**Exercise description:** Each line of the data below from the one holding "# Curtain wall" to the one holding "Terracotta Curtain Wall", inclusive, is to be reproduced exactly; no other line belongs in the answer.

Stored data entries
>>
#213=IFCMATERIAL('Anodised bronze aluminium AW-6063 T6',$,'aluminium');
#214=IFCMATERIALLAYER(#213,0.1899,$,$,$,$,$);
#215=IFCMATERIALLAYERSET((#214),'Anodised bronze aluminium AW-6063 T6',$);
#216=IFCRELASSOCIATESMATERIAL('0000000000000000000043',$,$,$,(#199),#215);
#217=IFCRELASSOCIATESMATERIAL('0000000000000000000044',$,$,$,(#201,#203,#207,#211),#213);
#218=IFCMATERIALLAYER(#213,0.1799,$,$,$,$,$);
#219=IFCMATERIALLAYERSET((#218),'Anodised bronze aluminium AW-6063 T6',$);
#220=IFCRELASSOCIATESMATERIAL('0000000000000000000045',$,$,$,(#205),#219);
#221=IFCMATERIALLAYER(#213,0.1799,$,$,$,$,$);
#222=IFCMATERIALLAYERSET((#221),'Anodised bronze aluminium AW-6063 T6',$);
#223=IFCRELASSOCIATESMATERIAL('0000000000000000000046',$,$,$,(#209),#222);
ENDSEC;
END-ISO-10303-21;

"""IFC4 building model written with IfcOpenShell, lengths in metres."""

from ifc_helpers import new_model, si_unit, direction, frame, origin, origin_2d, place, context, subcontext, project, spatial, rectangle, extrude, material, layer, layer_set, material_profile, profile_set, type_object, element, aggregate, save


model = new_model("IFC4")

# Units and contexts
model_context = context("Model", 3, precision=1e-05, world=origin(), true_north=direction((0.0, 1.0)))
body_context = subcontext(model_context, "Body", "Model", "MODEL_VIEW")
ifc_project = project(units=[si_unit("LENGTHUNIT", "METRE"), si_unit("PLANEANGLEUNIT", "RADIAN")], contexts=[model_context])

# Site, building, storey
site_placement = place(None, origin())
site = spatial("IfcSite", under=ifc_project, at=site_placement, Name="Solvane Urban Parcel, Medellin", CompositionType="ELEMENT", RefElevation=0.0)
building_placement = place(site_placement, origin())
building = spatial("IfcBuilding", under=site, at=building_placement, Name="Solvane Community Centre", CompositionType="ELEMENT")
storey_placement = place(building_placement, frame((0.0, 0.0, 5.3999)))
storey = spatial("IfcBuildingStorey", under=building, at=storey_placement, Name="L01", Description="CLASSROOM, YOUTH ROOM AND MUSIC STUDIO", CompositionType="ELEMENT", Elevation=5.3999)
<<
>>
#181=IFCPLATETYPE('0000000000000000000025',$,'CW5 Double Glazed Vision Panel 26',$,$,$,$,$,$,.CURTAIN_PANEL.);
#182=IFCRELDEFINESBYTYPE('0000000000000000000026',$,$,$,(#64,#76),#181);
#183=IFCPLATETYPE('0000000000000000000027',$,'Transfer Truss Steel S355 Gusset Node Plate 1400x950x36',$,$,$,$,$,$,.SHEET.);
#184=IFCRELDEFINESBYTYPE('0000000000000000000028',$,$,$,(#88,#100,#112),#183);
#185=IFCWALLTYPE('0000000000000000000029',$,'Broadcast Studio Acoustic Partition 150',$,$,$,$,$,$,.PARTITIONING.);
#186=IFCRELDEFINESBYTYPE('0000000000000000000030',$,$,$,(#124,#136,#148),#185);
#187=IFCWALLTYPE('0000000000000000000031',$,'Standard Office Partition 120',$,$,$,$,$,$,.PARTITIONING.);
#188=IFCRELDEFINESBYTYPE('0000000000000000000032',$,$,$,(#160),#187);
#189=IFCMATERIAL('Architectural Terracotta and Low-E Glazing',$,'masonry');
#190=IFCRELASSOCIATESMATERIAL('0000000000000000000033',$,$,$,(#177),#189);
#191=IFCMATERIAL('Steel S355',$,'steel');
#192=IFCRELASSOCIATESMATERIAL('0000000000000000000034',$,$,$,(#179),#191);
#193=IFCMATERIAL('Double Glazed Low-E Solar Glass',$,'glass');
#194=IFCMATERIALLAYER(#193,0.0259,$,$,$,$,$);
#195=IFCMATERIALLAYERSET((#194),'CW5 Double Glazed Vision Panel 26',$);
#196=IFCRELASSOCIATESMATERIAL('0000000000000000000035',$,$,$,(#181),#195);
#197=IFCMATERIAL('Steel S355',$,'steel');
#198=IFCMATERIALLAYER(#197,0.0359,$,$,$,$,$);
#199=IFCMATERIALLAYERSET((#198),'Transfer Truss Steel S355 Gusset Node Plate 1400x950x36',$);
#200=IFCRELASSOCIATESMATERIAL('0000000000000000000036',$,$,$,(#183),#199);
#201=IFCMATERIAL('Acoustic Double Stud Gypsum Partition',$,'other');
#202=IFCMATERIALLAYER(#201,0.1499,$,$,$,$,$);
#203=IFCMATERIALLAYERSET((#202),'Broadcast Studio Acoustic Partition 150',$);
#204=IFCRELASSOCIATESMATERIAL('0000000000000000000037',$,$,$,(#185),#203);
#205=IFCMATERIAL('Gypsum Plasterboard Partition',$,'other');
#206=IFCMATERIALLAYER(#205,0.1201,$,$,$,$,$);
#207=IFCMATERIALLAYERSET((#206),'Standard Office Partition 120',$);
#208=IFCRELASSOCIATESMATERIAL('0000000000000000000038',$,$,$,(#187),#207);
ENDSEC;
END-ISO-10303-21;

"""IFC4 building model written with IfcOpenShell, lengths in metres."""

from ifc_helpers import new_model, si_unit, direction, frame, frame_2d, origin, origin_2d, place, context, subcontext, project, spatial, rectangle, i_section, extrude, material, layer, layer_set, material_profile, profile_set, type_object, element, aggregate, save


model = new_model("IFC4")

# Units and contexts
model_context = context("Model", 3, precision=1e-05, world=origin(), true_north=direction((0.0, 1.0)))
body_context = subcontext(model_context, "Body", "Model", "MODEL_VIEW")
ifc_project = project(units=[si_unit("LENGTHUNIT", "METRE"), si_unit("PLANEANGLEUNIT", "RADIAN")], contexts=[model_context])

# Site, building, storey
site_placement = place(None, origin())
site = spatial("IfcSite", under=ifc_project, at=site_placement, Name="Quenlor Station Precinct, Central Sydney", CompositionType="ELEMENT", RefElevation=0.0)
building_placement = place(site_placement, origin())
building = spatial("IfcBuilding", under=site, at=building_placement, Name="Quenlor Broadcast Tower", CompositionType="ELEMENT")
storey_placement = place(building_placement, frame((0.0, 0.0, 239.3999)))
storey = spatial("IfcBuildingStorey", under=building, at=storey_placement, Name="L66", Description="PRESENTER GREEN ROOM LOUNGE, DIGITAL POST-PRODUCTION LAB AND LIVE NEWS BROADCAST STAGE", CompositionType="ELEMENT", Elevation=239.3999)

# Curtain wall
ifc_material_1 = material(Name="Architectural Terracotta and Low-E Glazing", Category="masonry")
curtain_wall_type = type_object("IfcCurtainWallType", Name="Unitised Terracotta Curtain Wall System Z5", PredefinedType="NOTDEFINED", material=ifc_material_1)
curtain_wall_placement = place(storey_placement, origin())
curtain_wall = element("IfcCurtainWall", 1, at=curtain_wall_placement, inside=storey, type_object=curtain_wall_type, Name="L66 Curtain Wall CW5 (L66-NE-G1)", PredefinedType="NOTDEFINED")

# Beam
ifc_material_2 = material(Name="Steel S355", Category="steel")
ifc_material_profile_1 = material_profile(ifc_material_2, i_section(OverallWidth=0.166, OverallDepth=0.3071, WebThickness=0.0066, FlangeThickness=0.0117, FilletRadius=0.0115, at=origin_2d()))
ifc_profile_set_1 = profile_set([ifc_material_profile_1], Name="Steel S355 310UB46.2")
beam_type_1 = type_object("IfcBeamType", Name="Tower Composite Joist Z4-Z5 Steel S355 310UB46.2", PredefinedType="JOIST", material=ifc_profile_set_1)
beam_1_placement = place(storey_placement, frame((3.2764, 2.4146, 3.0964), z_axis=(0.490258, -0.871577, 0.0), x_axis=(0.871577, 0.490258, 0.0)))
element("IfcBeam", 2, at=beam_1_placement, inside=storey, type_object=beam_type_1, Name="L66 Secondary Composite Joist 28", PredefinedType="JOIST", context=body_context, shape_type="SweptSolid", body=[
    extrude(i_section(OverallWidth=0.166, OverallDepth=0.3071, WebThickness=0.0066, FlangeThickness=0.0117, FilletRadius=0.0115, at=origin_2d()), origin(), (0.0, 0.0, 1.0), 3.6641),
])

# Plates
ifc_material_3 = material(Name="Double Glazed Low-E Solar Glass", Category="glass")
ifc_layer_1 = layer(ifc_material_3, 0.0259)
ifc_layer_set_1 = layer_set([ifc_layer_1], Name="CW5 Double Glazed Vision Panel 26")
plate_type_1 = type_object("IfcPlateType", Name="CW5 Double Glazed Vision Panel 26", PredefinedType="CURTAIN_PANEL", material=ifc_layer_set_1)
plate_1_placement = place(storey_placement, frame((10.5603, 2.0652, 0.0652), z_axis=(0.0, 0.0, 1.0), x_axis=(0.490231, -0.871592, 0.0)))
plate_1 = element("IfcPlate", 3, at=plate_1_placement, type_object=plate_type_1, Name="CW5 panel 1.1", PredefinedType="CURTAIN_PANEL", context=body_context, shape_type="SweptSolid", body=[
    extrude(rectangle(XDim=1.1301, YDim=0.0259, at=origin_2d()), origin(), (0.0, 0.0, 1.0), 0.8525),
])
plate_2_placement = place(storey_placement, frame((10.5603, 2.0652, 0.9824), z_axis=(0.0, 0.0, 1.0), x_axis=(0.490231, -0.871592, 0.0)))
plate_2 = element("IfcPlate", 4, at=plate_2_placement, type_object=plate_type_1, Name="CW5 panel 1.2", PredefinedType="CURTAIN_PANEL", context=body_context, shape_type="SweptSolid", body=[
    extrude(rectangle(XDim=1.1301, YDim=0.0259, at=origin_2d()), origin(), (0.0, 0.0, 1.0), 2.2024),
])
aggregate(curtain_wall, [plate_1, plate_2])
<<
**Answer below:**
# Curtain wall
ifc_material_1 = material(Name="Architectural Terracotta and Low-E Glazing", Category="masonry")
curtain_wall_type = type_object("IfcCurtainWallType", Name="Unitised Terracotta Curtain Wall System Z5", PredefinedType="NOTDEFINED", material=ifc_material_1)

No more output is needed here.